Copy each line below holding "Control".

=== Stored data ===
————————
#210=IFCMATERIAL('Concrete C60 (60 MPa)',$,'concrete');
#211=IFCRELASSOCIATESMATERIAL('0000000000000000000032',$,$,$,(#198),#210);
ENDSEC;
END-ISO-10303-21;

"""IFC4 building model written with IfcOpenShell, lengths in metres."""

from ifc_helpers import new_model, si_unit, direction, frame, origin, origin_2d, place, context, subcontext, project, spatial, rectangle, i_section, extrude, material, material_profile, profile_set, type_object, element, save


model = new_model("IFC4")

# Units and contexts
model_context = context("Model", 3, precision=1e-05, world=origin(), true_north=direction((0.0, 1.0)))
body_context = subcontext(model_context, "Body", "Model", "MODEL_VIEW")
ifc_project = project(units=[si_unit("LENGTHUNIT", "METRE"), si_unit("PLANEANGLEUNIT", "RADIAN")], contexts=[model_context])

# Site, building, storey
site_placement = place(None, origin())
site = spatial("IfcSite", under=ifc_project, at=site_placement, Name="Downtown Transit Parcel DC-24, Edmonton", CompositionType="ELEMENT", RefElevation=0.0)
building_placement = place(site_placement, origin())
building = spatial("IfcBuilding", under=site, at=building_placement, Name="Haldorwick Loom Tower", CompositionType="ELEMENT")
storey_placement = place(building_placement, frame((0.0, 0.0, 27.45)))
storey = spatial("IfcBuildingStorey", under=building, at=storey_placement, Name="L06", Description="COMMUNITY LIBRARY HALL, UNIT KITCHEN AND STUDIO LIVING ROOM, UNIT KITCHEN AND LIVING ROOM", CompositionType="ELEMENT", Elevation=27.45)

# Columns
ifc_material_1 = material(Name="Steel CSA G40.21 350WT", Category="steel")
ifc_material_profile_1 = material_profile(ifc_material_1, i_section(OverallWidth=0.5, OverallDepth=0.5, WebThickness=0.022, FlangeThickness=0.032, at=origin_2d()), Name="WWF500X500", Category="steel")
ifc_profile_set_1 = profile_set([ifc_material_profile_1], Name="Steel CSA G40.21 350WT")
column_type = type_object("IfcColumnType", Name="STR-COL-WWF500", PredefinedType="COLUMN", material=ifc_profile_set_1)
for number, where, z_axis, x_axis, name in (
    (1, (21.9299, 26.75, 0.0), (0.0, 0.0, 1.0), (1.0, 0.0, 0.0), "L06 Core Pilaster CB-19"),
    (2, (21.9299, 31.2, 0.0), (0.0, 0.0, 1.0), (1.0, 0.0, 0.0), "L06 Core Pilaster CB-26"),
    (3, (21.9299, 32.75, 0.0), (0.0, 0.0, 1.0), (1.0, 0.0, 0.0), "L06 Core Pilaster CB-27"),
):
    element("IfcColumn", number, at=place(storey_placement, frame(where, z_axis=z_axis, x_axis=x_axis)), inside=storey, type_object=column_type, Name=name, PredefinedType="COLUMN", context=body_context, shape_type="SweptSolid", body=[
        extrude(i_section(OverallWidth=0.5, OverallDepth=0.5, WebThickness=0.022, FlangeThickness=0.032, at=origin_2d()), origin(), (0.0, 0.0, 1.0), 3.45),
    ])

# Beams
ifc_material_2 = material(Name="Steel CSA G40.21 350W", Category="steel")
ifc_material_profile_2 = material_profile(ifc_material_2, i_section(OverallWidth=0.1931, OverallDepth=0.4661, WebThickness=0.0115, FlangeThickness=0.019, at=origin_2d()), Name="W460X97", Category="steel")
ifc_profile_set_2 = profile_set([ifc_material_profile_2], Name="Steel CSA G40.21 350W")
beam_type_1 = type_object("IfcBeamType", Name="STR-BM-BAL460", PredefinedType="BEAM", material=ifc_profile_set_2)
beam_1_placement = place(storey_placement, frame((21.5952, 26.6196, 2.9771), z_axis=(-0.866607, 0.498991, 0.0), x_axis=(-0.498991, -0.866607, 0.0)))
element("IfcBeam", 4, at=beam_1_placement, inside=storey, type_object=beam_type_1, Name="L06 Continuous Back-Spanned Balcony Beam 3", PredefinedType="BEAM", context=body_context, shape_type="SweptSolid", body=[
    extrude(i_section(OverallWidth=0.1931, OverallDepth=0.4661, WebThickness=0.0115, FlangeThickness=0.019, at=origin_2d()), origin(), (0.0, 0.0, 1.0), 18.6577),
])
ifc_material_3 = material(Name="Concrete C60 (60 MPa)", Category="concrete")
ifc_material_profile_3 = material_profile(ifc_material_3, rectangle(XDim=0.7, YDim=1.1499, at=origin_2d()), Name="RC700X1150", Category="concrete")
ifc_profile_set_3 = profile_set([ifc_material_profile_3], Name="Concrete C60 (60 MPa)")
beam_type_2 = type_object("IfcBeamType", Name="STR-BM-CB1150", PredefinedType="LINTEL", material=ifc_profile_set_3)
————————
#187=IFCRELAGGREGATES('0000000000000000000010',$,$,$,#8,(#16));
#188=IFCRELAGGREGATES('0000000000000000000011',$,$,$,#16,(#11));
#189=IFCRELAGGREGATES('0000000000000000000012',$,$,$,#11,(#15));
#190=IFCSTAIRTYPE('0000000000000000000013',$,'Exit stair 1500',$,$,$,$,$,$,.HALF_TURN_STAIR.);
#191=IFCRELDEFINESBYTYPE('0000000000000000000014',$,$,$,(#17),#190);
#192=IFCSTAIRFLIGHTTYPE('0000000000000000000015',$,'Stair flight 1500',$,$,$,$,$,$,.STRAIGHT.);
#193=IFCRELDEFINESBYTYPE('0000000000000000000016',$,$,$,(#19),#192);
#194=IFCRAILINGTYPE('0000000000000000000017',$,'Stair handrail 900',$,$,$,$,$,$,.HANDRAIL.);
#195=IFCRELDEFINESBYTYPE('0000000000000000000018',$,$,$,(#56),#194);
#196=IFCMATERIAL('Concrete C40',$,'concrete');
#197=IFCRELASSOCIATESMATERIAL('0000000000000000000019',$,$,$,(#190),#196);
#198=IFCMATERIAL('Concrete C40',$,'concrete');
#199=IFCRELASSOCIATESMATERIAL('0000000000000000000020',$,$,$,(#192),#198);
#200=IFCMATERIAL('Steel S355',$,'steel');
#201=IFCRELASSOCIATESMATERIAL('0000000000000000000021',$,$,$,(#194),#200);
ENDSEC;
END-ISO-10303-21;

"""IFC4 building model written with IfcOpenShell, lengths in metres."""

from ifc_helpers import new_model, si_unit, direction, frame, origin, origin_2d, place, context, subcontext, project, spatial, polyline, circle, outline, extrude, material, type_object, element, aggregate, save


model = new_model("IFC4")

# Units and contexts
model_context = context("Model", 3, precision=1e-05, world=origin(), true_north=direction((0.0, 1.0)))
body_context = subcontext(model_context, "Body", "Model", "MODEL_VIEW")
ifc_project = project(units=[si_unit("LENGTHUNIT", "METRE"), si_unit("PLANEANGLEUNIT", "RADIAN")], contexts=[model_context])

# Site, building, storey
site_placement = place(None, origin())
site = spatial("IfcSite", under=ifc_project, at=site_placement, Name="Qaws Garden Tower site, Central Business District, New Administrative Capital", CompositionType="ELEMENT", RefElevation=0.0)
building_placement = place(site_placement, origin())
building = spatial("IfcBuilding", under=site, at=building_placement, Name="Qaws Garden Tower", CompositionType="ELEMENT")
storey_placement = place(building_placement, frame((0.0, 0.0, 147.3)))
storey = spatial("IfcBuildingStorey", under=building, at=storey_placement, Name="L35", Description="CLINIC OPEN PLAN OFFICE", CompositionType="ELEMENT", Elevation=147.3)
————————
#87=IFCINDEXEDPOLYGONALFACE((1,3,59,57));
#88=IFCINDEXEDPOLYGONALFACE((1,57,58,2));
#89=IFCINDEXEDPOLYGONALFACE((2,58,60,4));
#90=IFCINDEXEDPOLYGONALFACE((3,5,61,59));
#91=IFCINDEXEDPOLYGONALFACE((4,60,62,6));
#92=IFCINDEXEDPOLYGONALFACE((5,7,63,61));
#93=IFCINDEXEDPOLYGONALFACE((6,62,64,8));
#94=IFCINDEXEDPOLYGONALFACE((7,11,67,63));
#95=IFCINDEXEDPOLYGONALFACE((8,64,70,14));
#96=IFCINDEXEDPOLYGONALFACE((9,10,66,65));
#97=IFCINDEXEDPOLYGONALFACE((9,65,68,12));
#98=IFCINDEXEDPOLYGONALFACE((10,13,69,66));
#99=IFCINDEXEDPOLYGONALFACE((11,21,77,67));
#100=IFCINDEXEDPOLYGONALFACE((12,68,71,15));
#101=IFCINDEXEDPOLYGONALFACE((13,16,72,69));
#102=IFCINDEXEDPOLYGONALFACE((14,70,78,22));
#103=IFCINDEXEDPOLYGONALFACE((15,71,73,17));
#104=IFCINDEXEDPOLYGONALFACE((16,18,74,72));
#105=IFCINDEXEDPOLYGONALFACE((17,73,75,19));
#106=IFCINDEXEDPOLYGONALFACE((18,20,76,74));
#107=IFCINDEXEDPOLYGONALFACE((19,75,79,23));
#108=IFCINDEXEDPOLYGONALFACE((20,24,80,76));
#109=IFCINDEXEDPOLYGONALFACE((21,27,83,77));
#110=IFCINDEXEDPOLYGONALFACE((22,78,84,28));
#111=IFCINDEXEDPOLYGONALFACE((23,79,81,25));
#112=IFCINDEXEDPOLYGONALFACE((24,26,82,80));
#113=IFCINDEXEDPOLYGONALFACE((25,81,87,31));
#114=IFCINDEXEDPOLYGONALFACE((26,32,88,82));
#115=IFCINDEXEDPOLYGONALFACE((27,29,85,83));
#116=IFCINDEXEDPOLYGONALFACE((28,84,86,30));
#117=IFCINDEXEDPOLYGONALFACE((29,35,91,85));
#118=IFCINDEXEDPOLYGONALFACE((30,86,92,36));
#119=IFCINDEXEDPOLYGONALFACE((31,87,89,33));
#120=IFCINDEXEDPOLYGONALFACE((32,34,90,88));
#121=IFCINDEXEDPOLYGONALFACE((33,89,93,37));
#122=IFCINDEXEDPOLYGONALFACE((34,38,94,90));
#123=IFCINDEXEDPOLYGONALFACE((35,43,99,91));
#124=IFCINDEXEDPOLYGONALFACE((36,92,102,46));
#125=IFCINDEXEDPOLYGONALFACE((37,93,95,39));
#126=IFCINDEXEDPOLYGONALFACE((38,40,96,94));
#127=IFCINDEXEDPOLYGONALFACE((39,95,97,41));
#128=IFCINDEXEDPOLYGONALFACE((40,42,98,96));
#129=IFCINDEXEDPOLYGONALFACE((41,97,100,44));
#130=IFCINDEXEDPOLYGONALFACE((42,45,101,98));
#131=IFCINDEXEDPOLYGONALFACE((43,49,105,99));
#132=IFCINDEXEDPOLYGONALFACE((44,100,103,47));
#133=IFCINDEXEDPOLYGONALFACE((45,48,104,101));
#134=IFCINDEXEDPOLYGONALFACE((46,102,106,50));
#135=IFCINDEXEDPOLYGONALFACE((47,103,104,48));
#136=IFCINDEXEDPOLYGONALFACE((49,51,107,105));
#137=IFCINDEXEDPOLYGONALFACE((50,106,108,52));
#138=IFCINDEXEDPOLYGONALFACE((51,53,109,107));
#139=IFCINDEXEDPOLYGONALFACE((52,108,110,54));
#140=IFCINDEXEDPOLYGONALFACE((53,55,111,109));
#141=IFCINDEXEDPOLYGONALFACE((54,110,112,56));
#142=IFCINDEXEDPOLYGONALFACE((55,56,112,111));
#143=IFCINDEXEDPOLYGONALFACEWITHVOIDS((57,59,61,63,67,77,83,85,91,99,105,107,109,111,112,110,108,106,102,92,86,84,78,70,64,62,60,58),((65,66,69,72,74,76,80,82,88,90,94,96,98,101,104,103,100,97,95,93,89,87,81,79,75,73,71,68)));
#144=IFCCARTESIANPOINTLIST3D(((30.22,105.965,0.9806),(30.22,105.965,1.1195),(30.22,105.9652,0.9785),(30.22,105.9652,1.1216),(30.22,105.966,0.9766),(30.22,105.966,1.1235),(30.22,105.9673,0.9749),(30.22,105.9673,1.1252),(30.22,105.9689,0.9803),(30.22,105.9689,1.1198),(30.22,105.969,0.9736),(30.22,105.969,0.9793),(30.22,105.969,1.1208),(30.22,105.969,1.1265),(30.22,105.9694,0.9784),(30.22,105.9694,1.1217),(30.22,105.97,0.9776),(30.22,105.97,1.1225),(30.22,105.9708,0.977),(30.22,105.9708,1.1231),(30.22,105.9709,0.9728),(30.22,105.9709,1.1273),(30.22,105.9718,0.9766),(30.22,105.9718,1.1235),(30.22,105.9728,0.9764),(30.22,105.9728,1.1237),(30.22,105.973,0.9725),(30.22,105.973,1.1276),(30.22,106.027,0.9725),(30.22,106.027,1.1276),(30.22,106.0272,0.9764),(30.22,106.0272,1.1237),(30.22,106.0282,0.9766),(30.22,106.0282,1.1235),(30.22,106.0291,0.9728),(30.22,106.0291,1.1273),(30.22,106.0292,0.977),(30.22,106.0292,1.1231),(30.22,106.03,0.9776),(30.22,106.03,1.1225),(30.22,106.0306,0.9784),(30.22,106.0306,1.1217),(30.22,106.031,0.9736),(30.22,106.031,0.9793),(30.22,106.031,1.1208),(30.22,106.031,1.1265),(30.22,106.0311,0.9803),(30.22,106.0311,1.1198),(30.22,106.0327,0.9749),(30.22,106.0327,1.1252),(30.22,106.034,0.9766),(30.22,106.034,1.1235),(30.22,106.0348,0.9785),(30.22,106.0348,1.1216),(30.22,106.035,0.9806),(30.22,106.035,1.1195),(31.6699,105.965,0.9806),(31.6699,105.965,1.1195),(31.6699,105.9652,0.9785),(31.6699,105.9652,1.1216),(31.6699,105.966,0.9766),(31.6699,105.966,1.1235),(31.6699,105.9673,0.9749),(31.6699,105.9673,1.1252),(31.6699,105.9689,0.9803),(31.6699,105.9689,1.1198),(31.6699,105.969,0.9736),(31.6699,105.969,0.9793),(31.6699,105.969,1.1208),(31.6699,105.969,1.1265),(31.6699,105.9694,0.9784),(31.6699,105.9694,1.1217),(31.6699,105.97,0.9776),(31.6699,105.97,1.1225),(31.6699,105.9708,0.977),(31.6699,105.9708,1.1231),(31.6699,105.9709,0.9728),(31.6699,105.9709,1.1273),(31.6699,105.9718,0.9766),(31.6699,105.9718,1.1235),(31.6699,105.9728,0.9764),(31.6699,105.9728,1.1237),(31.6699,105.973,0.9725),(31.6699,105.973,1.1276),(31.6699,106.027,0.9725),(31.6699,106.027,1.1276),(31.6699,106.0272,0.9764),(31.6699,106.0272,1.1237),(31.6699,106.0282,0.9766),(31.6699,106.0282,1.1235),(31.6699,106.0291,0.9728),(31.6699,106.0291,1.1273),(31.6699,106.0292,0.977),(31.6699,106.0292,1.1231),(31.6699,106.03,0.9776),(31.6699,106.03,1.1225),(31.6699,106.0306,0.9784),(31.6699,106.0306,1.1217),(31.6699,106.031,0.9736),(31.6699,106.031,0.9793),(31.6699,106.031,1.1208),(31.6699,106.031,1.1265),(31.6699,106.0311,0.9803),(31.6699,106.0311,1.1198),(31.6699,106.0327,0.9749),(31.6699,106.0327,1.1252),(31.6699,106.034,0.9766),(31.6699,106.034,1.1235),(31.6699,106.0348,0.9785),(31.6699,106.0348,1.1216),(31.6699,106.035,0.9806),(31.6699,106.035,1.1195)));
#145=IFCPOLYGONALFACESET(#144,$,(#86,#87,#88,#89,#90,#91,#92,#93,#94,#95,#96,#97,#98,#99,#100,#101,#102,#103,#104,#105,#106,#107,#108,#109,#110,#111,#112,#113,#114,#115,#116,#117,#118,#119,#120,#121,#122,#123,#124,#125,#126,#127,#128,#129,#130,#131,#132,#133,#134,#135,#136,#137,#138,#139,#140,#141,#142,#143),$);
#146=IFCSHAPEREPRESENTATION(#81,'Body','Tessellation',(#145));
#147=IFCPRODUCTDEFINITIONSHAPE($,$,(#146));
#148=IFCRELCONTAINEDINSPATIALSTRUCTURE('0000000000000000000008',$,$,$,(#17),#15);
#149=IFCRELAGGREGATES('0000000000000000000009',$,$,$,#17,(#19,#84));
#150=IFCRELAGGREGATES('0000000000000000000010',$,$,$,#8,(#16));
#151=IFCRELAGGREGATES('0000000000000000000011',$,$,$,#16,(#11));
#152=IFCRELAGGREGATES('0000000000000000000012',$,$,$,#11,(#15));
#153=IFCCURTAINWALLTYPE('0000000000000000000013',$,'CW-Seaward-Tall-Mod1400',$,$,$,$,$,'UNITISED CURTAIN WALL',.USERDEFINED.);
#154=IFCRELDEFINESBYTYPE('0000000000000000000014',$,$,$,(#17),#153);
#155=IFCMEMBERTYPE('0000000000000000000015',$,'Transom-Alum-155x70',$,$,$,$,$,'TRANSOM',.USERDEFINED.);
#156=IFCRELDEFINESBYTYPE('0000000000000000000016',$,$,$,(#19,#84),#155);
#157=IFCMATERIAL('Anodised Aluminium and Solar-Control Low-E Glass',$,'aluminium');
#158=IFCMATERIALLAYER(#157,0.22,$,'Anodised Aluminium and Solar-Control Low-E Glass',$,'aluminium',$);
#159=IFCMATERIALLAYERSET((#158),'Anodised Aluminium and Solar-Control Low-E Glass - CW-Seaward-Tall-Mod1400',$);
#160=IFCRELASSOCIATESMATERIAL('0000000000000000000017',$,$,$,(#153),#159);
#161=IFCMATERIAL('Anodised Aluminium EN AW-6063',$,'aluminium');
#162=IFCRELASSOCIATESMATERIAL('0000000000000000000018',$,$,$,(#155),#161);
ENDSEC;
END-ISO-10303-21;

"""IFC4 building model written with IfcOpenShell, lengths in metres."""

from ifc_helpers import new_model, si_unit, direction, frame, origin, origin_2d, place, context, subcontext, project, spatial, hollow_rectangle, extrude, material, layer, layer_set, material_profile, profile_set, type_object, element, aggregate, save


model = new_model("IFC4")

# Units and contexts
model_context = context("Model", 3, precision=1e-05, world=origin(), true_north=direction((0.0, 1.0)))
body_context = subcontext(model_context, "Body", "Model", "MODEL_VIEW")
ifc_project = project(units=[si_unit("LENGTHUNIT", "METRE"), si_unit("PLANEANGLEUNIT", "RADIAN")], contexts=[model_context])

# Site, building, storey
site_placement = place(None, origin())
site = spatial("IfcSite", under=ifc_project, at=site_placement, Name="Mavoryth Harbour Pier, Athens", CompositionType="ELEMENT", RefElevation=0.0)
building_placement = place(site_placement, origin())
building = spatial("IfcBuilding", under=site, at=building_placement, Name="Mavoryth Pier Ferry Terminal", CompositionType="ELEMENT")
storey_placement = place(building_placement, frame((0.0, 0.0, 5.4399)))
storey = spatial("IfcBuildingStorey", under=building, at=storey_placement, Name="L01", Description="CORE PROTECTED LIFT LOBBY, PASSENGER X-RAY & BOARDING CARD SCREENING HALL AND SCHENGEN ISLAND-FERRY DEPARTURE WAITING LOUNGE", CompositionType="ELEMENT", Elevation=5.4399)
————————
=== Answer for the task ===
#157=IFCMATERIAL('Anodised Aluminium and Solar-Control Low-E Glass',$,'aluminium');
#158=IFCMATERIALLAYER(#157,0.22,$,'Anodised Aluminium and Solar-Control Low-E Glass',$,'aluminium',$);
#159=IFCMATERIALLAYERSET((#158),'Anodised Aluminium and Solar-Control Low-E Glass - CW-Seaward-Tall-Mod1400',$);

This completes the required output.